▶ ASSIGNMENT:
Start with the first line of the records below. Output each line exactly, ending with the one that contains "#24=IFCINDEXEDPOLYGONALFACE((4,6,27,25));".

Saved entries
- - -

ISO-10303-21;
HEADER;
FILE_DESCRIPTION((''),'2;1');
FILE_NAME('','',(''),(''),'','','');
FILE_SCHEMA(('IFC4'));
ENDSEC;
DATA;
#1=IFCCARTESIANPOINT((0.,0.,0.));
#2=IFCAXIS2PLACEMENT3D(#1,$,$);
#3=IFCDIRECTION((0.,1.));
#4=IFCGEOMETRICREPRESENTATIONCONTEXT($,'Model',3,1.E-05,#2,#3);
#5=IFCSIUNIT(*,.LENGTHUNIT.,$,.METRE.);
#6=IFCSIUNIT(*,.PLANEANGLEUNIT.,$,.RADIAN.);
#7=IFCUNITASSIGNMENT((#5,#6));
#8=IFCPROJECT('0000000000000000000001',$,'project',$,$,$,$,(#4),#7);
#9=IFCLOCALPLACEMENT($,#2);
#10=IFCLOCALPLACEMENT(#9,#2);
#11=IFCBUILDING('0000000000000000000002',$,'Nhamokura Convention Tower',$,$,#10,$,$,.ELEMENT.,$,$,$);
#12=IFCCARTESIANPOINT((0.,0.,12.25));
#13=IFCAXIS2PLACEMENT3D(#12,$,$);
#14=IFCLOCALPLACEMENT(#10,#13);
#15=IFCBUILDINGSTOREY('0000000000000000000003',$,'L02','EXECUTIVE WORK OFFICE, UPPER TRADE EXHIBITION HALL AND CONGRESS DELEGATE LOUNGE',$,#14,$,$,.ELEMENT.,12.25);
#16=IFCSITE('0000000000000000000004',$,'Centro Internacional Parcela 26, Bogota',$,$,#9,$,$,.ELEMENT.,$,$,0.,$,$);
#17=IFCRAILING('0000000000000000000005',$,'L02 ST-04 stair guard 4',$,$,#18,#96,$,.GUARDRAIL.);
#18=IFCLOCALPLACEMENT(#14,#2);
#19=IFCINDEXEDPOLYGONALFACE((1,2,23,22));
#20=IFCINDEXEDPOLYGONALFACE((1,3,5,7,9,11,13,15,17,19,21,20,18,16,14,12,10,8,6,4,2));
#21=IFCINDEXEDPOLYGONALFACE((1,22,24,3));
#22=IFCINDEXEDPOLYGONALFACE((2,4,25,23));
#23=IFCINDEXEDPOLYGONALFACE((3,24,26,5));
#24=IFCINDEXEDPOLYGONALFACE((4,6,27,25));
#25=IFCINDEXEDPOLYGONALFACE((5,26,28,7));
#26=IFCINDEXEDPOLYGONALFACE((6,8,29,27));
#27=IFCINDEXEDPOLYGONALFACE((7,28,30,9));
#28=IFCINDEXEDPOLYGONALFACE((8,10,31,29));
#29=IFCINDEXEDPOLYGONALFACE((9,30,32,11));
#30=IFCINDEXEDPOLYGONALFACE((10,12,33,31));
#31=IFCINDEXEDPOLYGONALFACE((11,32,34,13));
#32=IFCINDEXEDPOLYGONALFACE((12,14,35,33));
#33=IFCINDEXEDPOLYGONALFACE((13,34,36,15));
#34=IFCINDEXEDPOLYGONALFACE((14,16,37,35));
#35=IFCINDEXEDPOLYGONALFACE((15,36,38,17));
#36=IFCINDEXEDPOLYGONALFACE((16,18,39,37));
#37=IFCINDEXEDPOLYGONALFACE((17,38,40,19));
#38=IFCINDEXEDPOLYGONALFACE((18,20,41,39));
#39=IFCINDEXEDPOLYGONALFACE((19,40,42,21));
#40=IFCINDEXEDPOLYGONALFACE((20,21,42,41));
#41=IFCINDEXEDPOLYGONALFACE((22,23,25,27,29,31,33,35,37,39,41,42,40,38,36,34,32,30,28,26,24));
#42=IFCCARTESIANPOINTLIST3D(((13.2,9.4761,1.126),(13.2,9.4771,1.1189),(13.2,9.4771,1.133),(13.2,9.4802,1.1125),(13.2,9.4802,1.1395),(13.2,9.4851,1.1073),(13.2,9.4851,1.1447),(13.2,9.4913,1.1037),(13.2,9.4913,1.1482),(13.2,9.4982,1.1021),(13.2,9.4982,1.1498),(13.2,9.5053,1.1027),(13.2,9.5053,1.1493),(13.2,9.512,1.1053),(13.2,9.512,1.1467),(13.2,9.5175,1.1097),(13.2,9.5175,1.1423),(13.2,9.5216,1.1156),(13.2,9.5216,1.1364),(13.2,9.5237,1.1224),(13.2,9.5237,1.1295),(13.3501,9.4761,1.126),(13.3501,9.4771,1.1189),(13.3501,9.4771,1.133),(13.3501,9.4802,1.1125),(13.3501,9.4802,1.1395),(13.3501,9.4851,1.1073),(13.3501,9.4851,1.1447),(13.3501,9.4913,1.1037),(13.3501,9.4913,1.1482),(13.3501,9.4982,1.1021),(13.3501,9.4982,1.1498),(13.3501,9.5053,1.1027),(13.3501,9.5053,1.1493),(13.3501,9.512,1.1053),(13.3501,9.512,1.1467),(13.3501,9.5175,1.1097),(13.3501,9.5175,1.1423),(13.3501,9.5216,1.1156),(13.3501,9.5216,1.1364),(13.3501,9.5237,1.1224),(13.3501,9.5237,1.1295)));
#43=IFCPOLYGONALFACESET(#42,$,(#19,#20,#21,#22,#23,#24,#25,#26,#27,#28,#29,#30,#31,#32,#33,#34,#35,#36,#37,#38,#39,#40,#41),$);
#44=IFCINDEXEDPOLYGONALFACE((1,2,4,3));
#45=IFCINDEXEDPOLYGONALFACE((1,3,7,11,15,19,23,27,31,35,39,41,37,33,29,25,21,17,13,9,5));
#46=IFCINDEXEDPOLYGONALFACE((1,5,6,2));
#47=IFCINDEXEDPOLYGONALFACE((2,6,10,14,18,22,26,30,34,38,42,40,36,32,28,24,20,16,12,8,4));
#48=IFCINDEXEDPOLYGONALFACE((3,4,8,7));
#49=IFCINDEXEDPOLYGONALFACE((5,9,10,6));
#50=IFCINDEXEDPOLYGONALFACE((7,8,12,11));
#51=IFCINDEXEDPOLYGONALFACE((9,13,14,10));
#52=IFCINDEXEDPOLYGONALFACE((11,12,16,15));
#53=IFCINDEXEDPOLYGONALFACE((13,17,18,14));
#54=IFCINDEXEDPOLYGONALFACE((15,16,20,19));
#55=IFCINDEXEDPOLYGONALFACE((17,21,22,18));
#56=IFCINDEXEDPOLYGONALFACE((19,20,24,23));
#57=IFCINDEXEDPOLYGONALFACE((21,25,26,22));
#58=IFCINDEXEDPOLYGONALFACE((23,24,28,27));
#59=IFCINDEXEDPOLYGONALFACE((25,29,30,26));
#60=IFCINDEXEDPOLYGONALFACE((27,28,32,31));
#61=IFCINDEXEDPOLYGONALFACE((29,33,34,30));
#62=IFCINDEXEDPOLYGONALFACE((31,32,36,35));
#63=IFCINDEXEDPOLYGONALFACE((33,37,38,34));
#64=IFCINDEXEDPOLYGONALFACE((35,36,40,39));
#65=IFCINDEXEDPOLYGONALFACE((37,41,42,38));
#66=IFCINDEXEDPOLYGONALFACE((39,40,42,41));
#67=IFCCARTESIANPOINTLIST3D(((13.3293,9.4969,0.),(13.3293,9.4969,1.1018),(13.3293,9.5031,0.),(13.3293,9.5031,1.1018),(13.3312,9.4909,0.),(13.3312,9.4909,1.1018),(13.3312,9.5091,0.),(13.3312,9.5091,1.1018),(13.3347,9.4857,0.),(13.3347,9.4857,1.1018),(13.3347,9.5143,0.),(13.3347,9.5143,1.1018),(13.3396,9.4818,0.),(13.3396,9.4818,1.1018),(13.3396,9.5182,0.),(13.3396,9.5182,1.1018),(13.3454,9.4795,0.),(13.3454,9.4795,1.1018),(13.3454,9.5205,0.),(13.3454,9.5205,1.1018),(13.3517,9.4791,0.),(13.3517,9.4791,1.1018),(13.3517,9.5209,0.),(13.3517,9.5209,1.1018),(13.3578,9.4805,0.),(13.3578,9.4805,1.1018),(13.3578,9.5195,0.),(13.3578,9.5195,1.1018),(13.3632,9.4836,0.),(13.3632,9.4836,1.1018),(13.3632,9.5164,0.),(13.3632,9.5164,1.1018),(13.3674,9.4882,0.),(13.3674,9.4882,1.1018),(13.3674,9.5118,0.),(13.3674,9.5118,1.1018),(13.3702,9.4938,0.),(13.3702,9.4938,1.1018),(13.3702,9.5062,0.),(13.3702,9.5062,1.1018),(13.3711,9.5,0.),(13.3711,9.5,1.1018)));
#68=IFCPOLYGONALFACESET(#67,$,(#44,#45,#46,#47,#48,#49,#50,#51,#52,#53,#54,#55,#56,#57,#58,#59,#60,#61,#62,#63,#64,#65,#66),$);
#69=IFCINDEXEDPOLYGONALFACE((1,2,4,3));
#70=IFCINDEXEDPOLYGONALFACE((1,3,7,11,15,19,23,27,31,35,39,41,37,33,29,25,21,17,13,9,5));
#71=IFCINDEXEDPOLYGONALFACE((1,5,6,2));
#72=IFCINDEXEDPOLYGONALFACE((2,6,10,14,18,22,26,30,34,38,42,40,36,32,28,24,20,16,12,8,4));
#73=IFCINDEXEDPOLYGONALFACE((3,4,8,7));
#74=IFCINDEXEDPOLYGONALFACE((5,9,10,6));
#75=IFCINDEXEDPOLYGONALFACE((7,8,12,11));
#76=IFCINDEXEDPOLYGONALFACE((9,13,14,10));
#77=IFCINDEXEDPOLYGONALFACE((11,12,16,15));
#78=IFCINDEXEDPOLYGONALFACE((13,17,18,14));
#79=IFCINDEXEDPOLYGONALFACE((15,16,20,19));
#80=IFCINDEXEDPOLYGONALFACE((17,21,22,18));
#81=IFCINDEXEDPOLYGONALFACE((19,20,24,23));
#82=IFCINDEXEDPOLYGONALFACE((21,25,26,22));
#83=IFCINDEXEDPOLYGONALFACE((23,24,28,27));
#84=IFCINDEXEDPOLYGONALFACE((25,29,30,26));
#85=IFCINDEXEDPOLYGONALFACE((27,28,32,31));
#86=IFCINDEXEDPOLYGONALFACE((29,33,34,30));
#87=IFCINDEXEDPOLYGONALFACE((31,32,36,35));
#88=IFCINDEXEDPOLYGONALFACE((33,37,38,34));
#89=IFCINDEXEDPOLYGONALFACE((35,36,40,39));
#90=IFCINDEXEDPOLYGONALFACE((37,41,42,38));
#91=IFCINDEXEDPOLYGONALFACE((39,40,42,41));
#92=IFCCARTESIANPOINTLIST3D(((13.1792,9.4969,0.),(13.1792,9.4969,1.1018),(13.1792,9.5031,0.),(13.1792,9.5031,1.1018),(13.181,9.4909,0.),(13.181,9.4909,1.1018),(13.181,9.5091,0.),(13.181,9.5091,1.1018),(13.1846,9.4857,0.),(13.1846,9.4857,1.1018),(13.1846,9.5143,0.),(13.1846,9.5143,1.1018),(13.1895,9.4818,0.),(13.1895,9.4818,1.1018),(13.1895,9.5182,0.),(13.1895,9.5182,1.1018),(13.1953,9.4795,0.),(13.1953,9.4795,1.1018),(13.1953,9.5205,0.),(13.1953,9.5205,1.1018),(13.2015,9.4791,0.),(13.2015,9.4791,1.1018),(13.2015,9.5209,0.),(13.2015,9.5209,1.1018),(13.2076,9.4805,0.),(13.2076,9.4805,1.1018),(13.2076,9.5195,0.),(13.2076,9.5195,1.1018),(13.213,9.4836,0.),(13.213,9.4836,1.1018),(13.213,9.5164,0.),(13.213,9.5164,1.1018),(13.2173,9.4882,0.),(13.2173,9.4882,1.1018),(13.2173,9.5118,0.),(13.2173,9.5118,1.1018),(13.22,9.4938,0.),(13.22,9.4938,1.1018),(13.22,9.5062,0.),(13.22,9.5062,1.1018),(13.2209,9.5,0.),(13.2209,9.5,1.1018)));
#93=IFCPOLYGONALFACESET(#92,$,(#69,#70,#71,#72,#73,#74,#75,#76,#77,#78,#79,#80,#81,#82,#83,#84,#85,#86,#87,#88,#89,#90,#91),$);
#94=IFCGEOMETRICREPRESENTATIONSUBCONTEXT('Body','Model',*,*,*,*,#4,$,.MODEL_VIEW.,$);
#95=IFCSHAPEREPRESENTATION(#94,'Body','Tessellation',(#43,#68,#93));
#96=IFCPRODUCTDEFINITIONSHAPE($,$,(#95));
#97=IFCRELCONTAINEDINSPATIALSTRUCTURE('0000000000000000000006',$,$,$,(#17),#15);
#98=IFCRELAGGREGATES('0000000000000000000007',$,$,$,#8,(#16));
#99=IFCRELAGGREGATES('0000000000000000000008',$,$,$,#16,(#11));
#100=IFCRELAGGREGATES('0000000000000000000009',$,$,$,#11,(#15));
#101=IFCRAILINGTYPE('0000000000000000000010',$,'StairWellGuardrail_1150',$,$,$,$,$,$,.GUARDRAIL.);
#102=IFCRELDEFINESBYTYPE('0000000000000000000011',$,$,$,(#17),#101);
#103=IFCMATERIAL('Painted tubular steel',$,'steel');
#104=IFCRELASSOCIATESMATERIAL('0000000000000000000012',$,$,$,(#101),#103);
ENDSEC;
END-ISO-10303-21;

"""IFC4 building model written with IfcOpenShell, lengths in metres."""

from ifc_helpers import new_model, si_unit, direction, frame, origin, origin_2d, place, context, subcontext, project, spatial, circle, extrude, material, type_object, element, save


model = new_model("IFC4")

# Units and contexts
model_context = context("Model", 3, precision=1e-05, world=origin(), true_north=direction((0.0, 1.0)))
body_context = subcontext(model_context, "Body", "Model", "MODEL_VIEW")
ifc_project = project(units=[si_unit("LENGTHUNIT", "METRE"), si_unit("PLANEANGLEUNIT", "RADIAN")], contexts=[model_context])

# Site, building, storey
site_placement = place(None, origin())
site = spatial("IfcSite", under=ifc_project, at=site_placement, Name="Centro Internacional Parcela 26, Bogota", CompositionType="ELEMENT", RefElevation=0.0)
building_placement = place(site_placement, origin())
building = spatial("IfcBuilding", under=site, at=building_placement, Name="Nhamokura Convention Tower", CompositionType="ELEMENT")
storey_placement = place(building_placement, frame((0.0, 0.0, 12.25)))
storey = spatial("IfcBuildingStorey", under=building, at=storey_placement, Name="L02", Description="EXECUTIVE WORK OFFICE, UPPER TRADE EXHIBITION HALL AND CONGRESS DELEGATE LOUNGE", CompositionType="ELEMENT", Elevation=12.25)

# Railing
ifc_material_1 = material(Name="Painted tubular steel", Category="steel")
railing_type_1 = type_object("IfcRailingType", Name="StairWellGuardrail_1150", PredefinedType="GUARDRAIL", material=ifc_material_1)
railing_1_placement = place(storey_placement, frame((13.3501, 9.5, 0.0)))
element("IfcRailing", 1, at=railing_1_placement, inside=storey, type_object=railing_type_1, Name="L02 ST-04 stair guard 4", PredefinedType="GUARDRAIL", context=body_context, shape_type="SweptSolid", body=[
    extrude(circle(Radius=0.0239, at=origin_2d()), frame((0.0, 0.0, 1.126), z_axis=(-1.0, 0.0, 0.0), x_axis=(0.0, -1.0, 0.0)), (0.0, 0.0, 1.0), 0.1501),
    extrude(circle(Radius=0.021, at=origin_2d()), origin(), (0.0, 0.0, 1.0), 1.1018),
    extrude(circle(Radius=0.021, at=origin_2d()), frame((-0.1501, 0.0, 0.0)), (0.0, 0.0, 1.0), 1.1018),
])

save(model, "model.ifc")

- - -

▶ TASK SOLUTION:
ISO-10303-21;
HEADER;
FILE_DESCRIPTION((''),'2;1');
FILE_NAME('','',(''),(''),'','','');
FILE_SCHEMA(('IFC4'));
ENDSEC;
DATA;
#1=IFCCARTESIANPOINT((0.,0.,0.));
#2=IFCAXIS2PLACEMENT3D(#1,$,$);
#3=IFCDIRECTION((0.,1.));
#4=IFCGEOMETRICREPRESENTATIONCONTEXT($,'Model',3,1.E-05,#2,#3);
#5=IFCSIUNIT(*,.LENGTHUNIT.,$,.METRE.);
#6=IFCSIUNIT(*,.PLANEANGLEUNIT.,$,.RADIAN.);
#7=IFCUNITASSIGNMENT((#5,#6));
#8=IFCPROJECT('0000000000000000000001',$,'project',$,$,$,$,(#4),#7);
#9=IFCLOCALPLACEMENT($,#2);
#10=IFCLOCALPLACEMENT(#9,#2);
#11=IFCBUILDING('0000000000000000000002',$,'Nhamokura Convention Tower',$,$,#10,$,$,.ELEMENT.,$,$,$);
#12=IFCCARTESIANPOINT((0.,0.,12.25));
#13=IFCAXIS2PLACEMENT3D(#12,$,$);
#14=IFCLOCALPLACEMENT(#10,#13);
#15=IFCBUILDINGSTOREY('0000000000000000000003',$,'L02','EXECUTIVE WORK OFFICE, UPPER TRADE EXHIBITION HALL AND CONGRESS DELEGATE LOUNGE',$,#14,$,$,.ELEMENT.,12.25);
#16=IFCSITE('0000000000000000000004',$,'Centro Internacional Parcela 26, Bogota',$,$,#9,$,$,.ELEMENT.,$,$,0.,$,$);
#17=IFCRAILING('0000000000000000000005',$,'L02 ST-04 stair guard 4',$,$,#18,#96,$,.GUARDRAIL.);
#18=IFCLOCALPLACEMENT(#14,#2);
#19=IFCINDEXEDPOLYGONALFACE((1,2,23,22));
#20=IFCINDEXEDPOLYGONALFACE((1,3,5,7,9,11,13,15,17,19,21,20,18,16,14,12,10,8,6,4,2));
#21=IFCINDEXEDPOLYGONALFACE((1,22,24,3));
#22=IFCINDEXEDPOLYGONALFACE((2,4,25,23));
#23=IFCINDEXEDPOLYGONALFACE((3,24,26,5));
#24=IFCINDEXEDPOLYGONALFACE((4,6,27,25));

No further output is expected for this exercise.